Saved entries
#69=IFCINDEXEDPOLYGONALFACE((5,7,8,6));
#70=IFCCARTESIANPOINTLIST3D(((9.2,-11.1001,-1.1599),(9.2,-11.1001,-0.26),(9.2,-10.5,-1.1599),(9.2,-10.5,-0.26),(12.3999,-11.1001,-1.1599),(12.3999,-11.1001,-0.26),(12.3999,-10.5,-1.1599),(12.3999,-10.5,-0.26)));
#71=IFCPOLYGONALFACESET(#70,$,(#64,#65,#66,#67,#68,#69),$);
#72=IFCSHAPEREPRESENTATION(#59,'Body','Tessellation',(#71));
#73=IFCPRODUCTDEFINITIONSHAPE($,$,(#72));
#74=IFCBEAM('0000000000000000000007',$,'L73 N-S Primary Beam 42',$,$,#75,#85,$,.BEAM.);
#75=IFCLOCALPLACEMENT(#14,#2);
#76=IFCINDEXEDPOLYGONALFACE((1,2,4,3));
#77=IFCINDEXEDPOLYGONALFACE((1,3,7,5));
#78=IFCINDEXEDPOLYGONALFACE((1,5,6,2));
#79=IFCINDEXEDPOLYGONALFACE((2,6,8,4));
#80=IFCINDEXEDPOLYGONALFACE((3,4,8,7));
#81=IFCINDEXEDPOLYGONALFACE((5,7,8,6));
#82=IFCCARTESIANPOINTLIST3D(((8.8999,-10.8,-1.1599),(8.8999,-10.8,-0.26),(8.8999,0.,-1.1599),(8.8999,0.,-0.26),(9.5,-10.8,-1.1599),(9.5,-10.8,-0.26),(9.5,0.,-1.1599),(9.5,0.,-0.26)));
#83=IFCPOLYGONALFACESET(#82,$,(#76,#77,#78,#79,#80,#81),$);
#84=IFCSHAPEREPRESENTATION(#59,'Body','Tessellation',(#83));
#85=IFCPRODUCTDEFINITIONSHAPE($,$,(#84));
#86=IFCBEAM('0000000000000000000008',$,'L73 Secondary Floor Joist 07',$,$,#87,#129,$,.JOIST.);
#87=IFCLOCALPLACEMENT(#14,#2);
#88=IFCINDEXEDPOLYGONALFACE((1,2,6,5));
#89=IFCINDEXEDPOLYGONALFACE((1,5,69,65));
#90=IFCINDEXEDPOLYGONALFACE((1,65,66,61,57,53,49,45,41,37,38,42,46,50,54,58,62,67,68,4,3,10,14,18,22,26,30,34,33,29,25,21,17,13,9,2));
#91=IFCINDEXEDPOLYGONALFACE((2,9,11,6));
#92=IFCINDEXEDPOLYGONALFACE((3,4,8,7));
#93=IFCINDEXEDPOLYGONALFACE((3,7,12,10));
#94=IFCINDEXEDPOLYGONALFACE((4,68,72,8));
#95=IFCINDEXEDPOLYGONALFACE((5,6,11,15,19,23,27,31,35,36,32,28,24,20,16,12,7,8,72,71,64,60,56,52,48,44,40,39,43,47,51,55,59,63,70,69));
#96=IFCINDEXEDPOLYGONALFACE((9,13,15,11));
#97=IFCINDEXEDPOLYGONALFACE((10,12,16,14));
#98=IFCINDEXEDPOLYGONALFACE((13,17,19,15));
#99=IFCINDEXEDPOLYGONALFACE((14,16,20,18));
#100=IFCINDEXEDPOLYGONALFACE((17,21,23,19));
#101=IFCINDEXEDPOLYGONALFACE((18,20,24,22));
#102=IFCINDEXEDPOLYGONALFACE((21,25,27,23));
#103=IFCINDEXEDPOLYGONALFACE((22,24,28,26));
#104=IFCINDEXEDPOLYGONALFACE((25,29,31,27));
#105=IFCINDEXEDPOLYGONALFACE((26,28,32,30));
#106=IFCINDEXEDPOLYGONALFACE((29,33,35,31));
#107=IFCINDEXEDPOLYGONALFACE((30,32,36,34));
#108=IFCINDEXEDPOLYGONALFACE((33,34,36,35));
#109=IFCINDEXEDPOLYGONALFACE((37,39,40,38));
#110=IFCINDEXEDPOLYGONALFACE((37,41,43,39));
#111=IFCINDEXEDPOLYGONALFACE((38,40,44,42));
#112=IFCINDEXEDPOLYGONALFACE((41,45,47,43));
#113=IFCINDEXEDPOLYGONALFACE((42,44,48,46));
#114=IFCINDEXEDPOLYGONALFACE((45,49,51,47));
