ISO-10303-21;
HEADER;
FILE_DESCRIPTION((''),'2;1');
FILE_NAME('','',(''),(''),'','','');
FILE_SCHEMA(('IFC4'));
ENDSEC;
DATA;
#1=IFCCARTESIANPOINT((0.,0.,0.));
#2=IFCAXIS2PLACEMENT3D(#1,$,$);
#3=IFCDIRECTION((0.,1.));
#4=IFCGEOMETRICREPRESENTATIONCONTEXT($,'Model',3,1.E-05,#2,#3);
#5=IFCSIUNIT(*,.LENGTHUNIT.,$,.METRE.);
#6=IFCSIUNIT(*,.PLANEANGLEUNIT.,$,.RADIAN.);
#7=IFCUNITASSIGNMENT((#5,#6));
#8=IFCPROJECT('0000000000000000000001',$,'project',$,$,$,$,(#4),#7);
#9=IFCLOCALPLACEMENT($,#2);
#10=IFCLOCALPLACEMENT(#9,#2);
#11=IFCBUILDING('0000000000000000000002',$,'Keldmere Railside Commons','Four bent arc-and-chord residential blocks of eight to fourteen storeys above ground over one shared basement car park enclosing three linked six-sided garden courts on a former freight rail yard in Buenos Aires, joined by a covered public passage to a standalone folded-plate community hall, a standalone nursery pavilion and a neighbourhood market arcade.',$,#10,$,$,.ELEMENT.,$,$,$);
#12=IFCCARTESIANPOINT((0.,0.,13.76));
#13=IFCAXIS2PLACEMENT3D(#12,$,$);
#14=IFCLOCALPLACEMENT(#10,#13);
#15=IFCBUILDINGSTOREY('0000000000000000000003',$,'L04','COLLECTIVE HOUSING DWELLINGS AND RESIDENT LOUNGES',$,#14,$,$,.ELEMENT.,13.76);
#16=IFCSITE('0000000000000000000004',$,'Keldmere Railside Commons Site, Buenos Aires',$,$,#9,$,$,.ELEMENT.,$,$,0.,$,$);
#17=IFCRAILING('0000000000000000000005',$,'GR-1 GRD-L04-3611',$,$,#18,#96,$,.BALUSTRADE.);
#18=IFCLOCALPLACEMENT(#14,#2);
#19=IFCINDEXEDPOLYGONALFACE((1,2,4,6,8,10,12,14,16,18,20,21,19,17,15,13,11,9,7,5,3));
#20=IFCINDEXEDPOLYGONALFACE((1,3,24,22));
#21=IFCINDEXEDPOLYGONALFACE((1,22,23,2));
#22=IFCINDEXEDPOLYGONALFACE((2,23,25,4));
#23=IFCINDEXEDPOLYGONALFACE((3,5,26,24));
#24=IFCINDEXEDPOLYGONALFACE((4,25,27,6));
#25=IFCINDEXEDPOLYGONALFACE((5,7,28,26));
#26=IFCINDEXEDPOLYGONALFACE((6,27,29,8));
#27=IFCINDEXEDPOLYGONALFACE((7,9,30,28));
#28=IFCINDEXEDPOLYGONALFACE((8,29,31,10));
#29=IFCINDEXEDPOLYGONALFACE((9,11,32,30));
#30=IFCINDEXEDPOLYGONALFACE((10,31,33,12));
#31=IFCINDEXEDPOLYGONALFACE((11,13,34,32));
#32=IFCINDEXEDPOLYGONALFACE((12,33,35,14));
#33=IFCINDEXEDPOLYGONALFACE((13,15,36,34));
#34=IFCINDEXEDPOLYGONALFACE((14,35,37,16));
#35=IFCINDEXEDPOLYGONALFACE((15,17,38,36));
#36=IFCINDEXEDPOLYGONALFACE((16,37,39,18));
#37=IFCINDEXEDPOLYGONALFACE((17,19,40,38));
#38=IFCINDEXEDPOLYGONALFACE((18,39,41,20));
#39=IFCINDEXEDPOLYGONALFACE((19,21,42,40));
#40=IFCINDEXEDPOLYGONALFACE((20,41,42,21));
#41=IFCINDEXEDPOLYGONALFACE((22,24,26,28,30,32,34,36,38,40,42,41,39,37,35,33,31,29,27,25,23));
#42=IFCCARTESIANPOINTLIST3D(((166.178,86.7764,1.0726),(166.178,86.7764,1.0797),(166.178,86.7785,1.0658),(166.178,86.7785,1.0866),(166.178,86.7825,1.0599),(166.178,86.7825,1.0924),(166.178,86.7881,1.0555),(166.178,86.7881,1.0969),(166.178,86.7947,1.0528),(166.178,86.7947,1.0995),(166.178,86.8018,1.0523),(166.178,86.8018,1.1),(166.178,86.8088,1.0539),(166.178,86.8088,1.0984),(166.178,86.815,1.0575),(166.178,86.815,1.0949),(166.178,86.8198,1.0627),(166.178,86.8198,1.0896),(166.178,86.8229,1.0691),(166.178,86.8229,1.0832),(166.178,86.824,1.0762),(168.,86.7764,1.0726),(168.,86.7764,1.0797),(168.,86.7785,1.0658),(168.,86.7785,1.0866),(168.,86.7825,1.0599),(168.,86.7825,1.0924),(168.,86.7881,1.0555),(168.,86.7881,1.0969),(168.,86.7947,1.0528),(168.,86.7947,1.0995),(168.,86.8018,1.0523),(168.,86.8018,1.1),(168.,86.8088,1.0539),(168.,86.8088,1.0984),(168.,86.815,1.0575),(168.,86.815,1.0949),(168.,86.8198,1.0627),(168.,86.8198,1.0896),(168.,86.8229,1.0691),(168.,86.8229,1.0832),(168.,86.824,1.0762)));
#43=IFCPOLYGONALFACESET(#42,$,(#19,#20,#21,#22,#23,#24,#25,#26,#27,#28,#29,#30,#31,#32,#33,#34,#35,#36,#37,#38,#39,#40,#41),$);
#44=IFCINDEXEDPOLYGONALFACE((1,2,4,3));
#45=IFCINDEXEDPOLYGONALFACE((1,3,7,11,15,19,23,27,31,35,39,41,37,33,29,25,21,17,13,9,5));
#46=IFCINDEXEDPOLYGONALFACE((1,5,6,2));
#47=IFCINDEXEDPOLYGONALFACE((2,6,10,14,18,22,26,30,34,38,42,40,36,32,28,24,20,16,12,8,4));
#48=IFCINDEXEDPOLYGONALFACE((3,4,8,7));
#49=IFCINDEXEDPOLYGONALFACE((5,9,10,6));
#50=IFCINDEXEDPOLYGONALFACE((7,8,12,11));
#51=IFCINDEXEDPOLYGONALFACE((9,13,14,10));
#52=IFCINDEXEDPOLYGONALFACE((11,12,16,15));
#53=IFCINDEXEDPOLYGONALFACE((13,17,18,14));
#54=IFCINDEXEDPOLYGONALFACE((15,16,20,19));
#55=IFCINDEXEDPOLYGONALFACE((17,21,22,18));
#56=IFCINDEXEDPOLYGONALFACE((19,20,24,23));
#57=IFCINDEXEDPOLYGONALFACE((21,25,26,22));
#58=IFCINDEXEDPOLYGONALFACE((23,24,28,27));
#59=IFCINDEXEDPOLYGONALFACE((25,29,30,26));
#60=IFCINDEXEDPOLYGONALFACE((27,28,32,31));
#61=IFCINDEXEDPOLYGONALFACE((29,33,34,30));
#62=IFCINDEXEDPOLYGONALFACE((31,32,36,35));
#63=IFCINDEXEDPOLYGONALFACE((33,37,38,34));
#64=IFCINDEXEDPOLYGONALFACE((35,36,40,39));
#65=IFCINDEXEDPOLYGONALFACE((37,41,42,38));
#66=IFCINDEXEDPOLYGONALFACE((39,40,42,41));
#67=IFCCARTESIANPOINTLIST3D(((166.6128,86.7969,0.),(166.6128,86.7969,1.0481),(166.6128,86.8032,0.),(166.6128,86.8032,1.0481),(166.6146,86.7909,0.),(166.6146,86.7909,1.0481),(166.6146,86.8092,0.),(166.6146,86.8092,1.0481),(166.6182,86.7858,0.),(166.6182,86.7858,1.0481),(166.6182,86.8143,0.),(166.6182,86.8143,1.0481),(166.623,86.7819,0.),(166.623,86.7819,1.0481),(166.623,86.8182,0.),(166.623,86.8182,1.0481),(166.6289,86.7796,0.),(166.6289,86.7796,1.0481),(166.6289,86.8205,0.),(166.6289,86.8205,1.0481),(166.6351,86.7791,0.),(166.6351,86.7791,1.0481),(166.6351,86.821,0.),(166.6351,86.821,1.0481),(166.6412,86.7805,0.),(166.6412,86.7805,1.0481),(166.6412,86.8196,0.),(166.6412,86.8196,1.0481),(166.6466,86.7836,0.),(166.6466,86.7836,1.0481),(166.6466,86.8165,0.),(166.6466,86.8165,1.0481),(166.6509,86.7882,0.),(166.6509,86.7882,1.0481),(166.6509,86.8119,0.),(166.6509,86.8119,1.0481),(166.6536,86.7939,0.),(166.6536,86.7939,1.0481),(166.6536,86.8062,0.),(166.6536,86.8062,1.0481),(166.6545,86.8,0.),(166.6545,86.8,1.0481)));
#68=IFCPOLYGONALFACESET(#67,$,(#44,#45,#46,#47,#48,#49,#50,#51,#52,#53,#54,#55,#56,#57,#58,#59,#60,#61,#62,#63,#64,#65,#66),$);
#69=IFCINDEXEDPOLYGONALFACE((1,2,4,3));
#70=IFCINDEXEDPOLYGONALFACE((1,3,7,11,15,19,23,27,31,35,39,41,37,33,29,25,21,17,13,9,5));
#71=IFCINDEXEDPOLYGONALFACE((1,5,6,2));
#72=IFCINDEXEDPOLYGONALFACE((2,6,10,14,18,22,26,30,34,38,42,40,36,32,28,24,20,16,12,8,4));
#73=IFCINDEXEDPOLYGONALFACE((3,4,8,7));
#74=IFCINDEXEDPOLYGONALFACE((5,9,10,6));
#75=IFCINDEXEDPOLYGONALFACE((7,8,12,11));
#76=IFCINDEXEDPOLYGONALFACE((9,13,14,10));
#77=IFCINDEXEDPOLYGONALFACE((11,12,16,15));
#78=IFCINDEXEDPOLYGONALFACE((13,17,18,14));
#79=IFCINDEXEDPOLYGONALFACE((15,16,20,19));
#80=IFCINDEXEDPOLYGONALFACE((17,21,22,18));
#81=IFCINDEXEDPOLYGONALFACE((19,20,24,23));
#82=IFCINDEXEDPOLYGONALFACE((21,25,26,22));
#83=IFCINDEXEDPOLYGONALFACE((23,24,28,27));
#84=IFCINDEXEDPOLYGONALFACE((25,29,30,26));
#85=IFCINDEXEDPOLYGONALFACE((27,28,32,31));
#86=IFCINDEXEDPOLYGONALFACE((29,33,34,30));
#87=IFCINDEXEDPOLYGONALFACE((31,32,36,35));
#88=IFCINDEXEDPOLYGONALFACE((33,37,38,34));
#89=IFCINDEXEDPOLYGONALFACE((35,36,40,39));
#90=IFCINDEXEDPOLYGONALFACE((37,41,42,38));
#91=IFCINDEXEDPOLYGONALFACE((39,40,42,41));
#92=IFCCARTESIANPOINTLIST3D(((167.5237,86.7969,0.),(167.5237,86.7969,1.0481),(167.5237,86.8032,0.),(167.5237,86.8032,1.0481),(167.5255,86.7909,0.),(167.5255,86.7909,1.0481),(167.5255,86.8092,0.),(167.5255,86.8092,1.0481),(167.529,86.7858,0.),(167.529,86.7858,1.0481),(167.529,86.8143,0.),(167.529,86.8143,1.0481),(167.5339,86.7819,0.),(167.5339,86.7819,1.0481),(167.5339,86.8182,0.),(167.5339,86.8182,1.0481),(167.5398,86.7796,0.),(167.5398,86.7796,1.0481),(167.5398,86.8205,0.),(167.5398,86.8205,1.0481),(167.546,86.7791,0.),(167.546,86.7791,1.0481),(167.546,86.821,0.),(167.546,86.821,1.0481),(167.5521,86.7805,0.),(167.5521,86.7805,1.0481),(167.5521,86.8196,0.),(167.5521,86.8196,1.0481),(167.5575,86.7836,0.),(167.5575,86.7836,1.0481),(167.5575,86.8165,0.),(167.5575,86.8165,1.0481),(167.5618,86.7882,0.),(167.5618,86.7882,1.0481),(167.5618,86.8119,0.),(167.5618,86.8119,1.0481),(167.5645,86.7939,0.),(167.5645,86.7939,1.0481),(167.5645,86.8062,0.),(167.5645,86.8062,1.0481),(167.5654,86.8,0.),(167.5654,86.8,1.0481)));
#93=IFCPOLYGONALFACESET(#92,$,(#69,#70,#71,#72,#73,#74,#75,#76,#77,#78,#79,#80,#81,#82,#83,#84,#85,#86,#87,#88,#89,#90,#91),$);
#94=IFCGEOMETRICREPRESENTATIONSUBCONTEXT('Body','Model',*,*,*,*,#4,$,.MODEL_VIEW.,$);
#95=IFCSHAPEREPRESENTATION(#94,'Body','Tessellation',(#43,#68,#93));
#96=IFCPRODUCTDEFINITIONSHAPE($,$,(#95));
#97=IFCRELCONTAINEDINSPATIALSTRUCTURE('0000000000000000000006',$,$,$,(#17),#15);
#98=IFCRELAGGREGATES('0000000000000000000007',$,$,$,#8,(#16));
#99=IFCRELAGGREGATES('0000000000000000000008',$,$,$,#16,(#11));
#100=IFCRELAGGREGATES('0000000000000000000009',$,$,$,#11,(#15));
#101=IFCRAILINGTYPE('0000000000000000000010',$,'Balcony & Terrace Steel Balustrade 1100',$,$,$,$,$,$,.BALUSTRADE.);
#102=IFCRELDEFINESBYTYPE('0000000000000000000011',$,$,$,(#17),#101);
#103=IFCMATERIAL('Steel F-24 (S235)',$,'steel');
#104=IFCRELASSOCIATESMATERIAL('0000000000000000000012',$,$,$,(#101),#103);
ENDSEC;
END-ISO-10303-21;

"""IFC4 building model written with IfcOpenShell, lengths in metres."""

from ifc_helpers import new_model, si_unit, direction, frame, origin, origin_2d, place, context, subcontext, project, spatial, circle, extrude, material, type_object, element, save


model = new_model("IFC4")

# Units and contexts
model_context = context("Model", 3, precision=1e-05, world=origin(), true_north=direction((0.0, 1.0)))
body_context = subcontext(model_context, "Body", "Model", "MODEL_VIEW")
ifc_project = project(units=[si_unit("LENGTHUNIT", "METRE"), si_unit("PLANEANGLEUNIT", "RADIAN")], contexts=[model_context])

# Site, building, storey
site_placement = place(None, origin())
site = spatial("IfcSite", under=ifc_project, at=site_placement, Name="Keldmere Railside Commons Site, Buenos Aires", CompositionType="ELEMENT", RefElevation=0.0)
building_placement = place(site_placement, origin())
building = spatial("IfcBuilding", under=site, at=building_placement, Name="Keldmere Railside Commons", Description="Four bent arc-and-chord residential blocks of eight to fourteen storeys above ground over one shared basement car park enclosing three linked six-sided garden courts on a former freight rail yard in Buenos Aires, joined by a covered public passage to a standalone folded-plate community hall, a standalone nursery pavilion and a neighbourhood market arcade.", CompositionType="ELEMENT")
storey_placement = place(building_placement, frame((0.0, 0.0, 13.76)))
storey = spatial("IfcBuildingStorey", under=building, at=storey_placement, Name="L04", Description="COLLECTIVE HOUSING DWELLINGS AND RESIDENT LOUNGES", CompositionType="ELEMENT", Elevation=13.76)

# Railing
ifc_material_1 = material(Name="Steel F-24 (S235)", Category="steel")
railing_type = type_object("IfcRailingType", Name="Balcony & Terrace Steel Balustrade 1100", PredefinedType="BALUSTRADE", material=ifc_material_1)
railing_1_placement = place(storey_placement, frame((166.178, 86.8, 0.0)))
element("IfcRailing", 1, at=railing_1_placement, inside=storey, type_object=railing_type, Name="GR-1 GRD-L04-3611", PredefinedType="BALUSTRADE", context=body_context, shape_type="SweptSolid", body=[
    extrude(circle(Radius=0.0239, at=origin_2d()), frame((0.0, 0.0, 1.0762), z_axis=(1.0, 0.0, 0.0), x_axis=(0.0, 1.0, 0.0)), (0.0, 0.0, 1.0), 1.822),
    extrude(circle(Radius=0.021, at=origin_2d()), frame((0.4556, 0.0, 0.0)), (0.0, 0.0, 1.0), 1.0481),
    extrude(circle(Radius=0.021, at=origin_2d()), frame((1.3665, 0.0, 0.0)), (0.0, 0.0, 1.0), 1.0481),
])

save(model, "model.ifc")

**The task**. Starting from the records above, filter out all lines except those containing the word "IFCBEAM".

**Exercise answer**.
#74=IFCBEAM('0000000000000000000007',$,'L73 N-S Primary Beam 42',$,$,#75,#85,$,.BEAM.);
#86=IFCBEAM('0000000000000000000008',$,'L73 Secondary Floor Joist 07',$,$,#87,#129,$,.JOIST.);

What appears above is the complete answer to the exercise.